Records shown:
+---+

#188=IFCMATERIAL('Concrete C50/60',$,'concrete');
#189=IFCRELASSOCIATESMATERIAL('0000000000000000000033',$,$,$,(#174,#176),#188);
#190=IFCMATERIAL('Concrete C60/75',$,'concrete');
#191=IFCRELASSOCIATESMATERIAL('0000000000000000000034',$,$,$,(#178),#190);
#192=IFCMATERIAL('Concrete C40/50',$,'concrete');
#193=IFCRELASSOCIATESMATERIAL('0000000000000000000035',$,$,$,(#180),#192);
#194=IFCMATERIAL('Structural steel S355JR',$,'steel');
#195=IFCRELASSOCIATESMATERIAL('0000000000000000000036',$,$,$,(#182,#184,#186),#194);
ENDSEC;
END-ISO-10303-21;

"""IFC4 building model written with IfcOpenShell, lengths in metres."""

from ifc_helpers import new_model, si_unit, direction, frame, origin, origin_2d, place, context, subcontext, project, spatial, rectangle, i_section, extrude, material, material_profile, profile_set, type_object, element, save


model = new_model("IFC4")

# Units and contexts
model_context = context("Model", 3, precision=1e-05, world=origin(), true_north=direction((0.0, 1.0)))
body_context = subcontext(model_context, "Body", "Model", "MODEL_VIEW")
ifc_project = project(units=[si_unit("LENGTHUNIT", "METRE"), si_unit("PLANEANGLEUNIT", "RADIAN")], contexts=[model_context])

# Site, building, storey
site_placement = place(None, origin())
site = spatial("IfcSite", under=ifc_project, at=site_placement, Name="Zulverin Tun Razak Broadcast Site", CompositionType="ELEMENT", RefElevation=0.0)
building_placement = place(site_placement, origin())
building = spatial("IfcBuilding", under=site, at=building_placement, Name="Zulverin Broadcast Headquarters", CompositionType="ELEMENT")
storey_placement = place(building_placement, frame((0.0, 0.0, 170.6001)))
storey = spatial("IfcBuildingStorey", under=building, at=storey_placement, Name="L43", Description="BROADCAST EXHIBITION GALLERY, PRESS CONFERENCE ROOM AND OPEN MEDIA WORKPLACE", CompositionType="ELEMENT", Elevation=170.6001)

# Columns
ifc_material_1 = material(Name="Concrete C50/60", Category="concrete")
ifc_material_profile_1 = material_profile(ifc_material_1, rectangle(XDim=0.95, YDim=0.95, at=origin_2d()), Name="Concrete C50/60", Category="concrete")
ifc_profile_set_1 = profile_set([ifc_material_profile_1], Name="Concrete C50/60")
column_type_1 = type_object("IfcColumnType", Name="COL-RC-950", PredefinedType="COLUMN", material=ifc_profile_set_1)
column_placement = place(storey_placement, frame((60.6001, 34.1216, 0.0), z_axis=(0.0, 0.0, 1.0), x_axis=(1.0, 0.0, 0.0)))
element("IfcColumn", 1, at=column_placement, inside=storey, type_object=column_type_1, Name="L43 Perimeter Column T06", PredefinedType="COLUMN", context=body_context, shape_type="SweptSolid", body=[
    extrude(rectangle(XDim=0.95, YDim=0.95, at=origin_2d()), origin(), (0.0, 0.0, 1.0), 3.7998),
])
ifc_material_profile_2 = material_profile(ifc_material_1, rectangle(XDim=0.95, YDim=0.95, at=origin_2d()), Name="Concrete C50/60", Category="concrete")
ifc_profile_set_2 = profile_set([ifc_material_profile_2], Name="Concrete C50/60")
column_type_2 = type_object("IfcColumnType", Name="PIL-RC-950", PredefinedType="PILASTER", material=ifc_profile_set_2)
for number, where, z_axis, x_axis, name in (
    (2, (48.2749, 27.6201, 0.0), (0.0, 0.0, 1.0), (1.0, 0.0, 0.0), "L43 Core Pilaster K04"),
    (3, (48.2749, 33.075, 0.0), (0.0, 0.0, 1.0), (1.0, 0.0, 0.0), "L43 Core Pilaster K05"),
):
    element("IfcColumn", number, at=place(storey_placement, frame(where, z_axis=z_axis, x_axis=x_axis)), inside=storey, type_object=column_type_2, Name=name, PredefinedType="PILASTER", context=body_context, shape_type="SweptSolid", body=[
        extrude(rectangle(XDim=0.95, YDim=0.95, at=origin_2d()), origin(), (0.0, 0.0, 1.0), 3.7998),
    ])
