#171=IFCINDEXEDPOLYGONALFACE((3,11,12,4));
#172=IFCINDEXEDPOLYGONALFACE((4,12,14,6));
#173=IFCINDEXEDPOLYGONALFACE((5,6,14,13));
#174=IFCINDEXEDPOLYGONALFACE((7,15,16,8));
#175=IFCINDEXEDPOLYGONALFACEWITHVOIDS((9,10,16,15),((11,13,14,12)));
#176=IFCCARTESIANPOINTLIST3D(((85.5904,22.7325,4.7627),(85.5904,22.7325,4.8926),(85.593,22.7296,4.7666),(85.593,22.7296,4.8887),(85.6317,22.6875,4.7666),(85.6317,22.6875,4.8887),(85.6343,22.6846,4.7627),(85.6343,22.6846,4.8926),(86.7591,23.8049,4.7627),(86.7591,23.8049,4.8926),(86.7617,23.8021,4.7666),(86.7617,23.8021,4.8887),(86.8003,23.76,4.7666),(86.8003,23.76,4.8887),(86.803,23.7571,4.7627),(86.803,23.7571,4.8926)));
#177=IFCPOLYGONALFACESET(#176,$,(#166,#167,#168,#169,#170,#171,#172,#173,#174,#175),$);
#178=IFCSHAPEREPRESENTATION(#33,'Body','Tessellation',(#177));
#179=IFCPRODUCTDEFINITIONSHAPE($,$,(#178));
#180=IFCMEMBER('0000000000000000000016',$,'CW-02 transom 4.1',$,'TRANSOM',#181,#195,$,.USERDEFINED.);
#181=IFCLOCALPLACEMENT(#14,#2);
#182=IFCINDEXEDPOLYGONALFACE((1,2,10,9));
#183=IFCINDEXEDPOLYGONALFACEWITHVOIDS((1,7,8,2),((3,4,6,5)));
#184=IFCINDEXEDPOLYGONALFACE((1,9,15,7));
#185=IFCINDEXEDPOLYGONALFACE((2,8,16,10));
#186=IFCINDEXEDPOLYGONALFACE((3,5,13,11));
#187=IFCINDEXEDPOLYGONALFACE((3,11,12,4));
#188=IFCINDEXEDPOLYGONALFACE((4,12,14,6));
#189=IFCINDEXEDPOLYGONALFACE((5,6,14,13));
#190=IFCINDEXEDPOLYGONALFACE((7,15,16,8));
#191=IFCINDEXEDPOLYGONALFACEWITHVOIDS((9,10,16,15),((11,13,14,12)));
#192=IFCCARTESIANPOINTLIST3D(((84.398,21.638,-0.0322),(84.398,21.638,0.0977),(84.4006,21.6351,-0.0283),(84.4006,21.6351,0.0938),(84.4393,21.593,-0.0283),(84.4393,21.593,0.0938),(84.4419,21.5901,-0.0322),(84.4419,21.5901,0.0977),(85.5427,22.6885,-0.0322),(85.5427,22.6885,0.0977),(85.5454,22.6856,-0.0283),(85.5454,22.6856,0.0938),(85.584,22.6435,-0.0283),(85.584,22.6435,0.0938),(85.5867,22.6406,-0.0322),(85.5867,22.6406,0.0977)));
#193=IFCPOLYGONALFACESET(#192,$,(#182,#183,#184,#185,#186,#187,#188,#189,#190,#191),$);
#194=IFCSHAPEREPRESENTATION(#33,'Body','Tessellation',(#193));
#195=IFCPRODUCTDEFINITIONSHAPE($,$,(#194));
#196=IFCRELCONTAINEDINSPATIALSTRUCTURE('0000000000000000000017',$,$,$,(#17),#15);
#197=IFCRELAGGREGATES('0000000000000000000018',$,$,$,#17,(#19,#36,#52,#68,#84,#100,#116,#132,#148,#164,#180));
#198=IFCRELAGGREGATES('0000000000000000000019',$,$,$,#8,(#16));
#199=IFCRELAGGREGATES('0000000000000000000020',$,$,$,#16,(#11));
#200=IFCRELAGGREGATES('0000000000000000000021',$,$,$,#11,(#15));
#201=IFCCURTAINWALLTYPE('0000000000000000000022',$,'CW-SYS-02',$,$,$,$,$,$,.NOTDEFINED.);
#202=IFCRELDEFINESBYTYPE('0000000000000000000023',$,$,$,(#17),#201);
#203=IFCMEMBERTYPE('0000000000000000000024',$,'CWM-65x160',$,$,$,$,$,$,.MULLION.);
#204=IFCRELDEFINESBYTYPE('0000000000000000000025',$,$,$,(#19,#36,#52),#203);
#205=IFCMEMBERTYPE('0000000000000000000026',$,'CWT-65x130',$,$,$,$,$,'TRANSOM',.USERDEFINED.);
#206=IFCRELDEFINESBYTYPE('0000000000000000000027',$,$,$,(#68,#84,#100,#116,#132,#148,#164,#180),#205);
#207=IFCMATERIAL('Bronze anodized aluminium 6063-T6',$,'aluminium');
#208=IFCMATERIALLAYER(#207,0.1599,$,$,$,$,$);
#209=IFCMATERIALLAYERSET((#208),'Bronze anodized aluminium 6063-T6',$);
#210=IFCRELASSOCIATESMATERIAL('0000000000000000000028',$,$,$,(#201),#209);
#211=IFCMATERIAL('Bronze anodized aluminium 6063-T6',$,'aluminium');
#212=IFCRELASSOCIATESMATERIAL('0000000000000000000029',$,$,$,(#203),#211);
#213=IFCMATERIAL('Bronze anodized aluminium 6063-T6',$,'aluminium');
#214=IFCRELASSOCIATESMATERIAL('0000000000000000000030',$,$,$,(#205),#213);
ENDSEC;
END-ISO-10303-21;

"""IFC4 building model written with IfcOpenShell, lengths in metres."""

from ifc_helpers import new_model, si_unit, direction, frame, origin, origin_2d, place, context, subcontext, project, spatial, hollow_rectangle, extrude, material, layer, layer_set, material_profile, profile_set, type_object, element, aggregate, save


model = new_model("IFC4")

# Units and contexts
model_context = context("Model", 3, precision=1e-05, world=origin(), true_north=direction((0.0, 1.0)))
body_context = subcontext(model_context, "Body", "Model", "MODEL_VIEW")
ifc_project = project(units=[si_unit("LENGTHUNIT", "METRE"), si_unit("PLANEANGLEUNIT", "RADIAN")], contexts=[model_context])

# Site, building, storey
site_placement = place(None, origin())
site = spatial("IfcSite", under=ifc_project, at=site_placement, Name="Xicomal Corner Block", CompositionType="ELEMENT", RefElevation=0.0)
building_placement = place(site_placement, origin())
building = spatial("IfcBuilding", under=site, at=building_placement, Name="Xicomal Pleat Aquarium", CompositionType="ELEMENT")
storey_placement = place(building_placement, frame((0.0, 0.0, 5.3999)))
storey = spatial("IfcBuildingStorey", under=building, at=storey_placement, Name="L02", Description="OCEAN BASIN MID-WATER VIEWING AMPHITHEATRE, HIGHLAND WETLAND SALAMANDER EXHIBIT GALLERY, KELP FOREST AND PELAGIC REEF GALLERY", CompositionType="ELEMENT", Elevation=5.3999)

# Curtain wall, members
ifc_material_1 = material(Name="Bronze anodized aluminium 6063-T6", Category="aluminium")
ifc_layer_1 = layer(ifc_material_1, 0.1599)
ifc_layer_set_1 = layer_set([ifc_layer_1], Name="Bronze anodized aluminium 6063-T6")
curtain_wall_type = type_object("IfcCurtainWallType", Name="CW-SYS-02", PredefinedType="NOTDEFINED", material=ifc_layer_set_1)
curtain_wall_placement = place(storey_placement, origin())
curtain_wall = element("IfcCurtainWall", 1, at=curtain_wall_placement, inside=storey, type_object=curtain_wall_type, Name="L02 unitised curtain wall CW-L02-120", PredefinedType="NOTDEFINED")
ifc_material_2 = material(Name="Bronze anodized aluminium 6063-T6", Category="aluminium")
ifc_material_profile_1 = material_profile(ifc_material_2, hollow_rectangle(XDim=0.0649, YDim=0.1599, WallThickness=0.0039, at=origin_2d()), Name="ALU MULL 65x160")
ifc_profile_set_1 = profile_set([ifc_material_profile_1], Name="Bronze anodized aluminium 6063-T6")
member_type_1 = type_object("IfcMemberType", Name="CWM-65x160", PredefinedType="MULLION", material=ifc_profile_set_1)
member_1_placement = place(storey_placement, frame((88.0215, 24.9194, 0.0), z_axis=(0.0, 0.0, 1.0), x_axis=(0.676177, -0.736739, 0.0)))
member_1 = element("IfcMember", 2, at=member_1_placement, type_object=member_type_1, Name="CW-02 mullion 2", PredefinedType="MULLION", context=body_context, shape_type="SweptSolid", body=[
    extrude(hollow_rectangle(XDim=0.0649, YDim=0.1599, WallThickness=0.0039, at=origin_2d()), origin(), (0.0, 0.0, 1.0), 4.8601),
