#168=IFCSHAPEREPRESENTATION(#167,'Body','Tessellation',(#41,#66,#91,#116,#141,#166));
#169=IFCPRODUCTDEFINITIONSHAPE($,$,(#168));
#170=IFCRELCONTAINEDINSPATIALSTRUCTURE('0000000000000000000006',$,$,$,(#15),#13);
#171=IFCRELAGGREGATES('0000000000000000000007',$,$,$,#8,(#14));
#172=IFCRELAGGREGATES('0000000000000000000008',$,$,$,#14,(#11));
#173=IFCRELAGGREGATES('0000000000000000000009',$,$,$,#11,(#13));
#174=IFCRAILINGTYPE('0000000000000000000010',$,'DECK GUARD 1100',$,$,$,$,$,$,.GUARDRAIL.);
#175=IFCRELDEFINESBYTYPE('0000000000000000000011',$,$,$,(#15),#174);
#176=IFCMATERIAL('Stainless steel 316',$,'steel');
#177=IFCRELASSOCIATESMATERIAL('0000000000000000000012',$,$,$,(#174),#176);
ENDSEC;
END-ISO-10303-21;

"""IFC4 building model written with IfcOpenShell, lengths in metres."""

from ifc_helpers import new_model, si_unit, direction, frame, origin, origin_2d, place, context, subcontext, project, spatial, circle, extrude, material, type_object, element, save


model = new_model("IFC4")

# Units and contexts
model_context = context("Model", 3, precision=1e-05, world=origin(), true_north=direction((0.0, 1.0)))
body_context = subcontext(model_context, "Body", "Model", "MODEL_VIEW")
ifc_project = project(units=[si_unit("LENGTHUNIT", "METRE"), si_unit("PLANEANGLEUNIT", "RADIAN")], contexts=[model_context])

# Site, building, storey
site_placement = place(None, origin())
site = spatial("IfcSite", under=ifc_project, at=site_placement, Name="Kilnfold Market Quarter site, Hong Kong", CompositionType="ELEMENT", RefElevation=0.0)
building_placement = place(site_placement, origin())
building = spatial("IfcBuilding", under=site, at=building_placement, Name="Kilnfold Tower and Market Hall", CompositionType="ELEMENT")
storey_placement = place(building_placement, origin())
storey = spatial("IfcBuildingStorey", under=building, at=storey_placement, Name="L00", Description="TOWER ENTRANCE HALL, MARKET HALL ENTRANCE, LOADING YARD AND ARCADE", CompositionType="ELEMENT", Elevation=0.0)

+---+

Requirement: Above are some records. Copy each of their lines that holds the string "where".

Exercise output:
for number, where, z_axis, x_axis, name in (
    element("IfcColumn", number, at=place(storey_placement, frame(where, z_axis=z_axis, x_axis=x_axis)), inside=storey, type_object=column_type_2, Name=name, PredefinedType="PILASTER", context=body_context, shape_type="SweptSolid", body=[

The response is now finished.